(Collected data entries)
_ _ _ _ _
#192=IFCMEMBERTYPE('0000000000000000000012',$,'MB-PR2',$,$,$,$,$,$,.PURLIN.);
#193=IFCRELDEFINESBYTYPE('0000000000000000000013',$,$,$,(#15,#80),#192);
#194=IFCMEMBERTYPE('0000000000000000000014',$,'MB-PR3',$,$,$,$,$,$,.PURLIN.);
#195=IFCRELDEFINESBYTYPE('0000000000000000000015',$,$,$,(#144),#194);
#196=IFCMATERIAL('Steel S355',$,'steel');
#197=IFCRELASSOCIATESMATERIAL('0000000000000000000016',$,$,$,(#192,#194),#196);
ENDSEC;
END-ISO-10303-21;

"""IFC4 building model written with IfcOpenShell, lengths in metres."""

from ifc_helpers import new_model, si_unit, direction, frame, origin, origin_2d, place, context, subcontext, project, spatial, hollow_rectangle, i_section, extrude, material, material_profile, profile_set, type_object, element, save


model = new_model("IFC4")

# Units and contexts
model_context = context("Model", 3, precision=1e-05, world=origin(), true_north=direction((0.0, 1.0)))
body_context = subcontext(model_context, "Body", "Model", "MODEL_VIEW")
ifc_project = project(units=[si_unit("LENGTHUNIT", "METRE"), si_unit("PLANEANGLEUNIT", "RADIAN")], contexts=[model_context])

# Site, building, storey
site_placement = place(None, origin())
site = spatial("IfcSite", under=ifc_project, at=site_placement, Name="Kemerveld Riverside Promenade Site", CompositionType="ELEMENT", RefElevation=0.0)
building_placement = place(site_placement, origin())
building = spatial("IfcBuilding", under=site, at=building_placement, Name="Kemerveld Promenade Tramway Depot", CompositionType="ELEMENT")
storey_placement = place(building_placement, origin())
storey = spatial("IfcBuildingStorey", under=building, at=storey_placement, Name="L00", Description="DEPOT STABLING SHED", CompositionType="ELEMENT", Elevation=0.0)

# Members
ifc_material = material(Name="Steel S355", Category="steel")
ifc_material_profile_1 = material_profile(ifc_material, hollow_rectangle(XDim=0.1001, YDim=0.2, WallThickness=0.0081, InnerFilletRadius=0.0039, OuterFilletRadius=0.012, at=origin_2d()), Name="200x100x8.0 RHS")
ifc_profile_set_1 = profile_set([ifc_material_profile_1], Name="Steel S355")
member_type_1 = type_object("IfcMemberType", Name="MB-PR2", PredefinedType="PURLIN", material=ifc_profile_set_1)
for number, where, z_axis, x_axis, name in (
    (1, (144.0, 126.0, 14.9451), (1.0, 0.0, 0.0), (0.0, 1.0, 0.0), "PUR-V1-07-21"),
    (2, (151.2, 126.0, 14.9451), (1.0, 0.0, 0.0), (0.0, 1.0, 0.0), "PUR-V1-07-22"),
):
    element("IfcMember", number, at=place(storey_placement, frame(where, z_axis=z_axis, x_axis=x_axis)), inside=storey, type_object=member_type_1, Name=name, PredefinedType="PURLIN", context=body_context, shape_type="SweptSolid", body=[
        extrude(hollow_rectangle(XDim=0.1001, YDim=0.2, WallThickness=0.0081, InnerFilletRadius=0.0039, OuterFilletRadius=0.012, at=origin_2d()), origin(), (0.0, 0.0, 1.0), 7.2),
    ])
_ _ _ _ _
Exactly as they appear above, the records are to be transcribed in full.

#192=IFCMEMBERTYPE('0000000000000000000012',$,'MB-PR2',$,$,$,$,$,$,.PURLIN.);
#193=IFCRELDEFINESBYTYPE('0000000000000000000013',$,$,$,(#15,#80),#192);
#194=IFCMEMBERTYPE('0000000000000000000014',$,'MB-PR3',$,$,$,$,$,$,.PURLIN.);
#195=IFCRELDEFINESBYTYPE('0000000000000000000015',$,$,$,(#144),#194);
#196=IFCMATERIAL('Steel S355',$,'steel');
#197=IFCRELASSOCIATESMATERIAL('0000000000000000000016',$,$,$,(#192,#194),#196);
ENDSEC;
END-ISO-10303-21;

"""IFC4 building model written with IfcOpenShell, lengths in metres."""

from ifc_helpers import new_model, si_unit, direction, frame, origin, origin_2d, place, context, subcontext, project, spatial, hollow_rectangle, i_section, extrude, material, material_profile, profile_set, type_object, element, save


model = new_model("IFC4")

# Units and contexts
model_context = context("Model", 3, precision=1e-05, world=origin(), true_north=direction((0.0, 1.0)))
body_context = subcontext(model_context, "Body", "Model", "MODEL_VIEW")
ifc_project = project(units=[si_unit("LENGTHUNIT", "METRE"), si_unit("PLANEANGLEUNIT", "RADIAN")], contexts=[model_context])

# Site, building, storey
site_placement = place(None, origin())
site = spatial("IfcSite", under=ifc_project, at=site_placement, Name="Kemerveld Riverside Promenade Site", CompositionType="ELEMENT", RefElevation=0.0)
building_placement = place(site_placement, origin())
building = spatial("IfcBuilding", under=site, at=building_placement, Name="Kemerveld Promenade Tramway Depot", CompositionType="ELEMENT")
storey_placement = place(building_placement, origin())
storey = spatial("IfcBuildingStorey", under=building, at=storey_placement, Name="L00", Description="DEPOT STABLING SHED", CompositionType="ELEMENT", Elevation=0.0)

# Members
ifc_material = material(Name="Steel S355", Category="steel")
ifc_material_profile_1 = material_profile(ifc_material, hollow_rectangle(XDim=0.1001, YDim=0.2, WallThickness=0.0081, InnerFilletRadius=0.0039, OuterFilletRadius=0.012, at=origin_2d()), Name="200x100x8.0 RHS")
ifc_profile_set_1 = profile_set([ifc_material_profile_1], Name="Steel S355")
member_type_1 = type_object("IfcMemberType", Name="MB-PR2", PredefinedType="PURLIN", material=ifc_profile_set_1)
for number, where, z_axis, x_axis, name in (
    (1, (144.0, 126.0, 14.9451), (1.0, 0.0, 0.0), (0.0, 1.0, 0.0), "PUR-V1-07-21"),
    (2, (151.2, 126.0, 14.9451), (1.0, 0.0, 0.0), (0.0, 1.0, 0.0), "PUR-V1-07-22"),
):
    element("IfcMember", number, at=place(storey_placement, frame(where, z_axis=z_axis, x_axis=x_axis)), inside=storey, type_object=member_type_1, Name=name, PredefinedType="PURLIN", context=body_context, shape_type="SweptSolid", body=[
        extrude(hollow_rectangle(XDim=0.1001, YDim=0.2, WallThickness=0.0081, InnerFilletRadius=0.0039, OuterFilletRadius=0.012, at=origin_2d()), origin(), (0.0, 0.0, 1.0), 7.2),
    ])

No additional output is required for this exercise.